Aim of the exercise:
Your answer must match the material exactly, line for line.

----

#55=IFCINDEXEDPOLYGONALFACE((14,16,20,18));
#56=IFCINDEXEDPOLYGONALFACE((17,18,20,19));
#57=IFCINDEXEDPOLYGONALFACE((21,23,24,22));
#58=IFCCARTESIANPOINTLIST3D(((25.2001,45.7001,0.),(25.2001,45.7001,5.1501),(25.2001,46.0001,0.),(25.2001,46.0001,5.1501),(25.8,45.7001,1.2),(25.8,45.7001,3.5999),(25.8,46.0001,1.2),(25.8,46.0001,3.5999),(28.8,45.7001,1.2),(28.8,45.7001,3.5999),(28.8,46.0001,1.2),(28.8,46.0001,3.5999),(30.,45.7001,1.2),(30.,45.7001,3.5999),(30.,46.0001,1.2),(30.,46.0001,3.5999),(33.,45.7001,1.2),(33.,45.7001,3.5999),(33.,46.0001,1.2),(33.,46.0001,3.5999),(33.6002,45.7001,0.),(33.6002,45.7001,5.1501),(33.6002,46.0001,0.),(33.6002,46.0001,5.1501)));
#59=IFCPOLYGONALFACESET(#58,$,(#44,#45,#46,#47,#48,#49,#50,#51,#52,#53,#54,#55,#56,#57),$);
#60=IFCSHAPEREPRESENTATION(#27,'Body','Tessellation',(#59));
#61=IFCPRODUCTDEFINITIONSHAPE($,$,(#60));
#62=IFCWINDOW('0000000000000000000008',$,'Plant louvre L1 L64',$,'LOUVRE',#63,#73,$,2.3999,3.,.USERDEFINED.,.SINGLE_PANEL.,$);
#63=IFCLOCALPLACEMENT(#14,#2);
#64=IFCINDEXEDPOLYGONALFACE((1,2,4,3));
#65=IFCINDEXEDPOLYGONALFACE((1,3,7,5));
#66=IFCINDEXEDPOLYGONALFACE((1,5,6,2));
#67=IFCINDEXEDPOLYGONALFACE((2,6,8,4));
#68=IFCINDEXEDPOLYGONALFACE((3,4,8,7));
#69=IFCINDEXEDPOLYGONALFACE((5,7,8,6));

----

Response below:
#55=IFCINDEXEDPOLYGONALFACE((14,16,20,18));
#56=IFCINDEXEDPOLYGONALFACE((17,18,20,19));
#57=IFCINDEXEDPOLYGONALFACE((21,23,24,22));
#58=IFCCARTESIANPOINTLIST3D(((25.2001,45.7001,0.),(25.2001,45.7001,5.1501),(25.2001,46.0001,0.),(25.2001,46.0001,5.1501),(25.8,45.7001,1.2),(25.8,45.7001,3.5999),(25.8,46.0001,1.2),(25.8,46.0001,3.5999),(28.8,45.7001,1.2),(28.8,45.7001,3.5999),(28.8,46.0001,1.2),(28.8,46.0001,3.5999),(30.,45.7001,1.2),(30.,45.7001,3.5999),(30.,46.0001,1.2),(30.,46.0001,3.5999),(33.,45.7001,1.2),(33.,45.7001,3.5999),(33.,46.0001,1.2),(33.,46.0001,3.5999),(33.6002,45.7001,0.),(33.6002,45.7001,5.1501),(33.6002,46.0001,0.),(33.6002,46.0001,5.1501)));
#59=IFCPOLYGONALFACESET(#58,$,(#44,#45,#46,#47,#48,#49,#50,#51,#52,#53,#54,#55,#56,#57),$);
#60=IFCSHAPEREPRESENTATION(#27,'Body','Tessellation',(#59));
#61=IFCPRODUCTDEFINITIONSHAPE($,$,(#60));
#62=IFCWINDOW('0000000000000000000008',$,'Plant louvre L1 L64',$,'LOUVRE',#63,#73,$,2.3999,3.,.USERDEFINED.,.SINGLE_PANEL.,$);
#63=IFCLOCALPLACEMENT(#14,#2);
#64=IFCINDEXEDPOLYGONALFACE((1,2,4,3));
#65=IFCINDEXEDPOLYGONALFACE((1,3,7,5));
#66=IFCINDEXEDPOLYGONALFACE((1,5,6,2));
#67=IFCINDEXEDPOLYGONALFACE((2,6,8,4));
#68=IFCINDEXEDPOLYGONALFACE((3,4,8,7));
#69=IFCINDEXEDPOLYGONALFACE((5,7,8,6));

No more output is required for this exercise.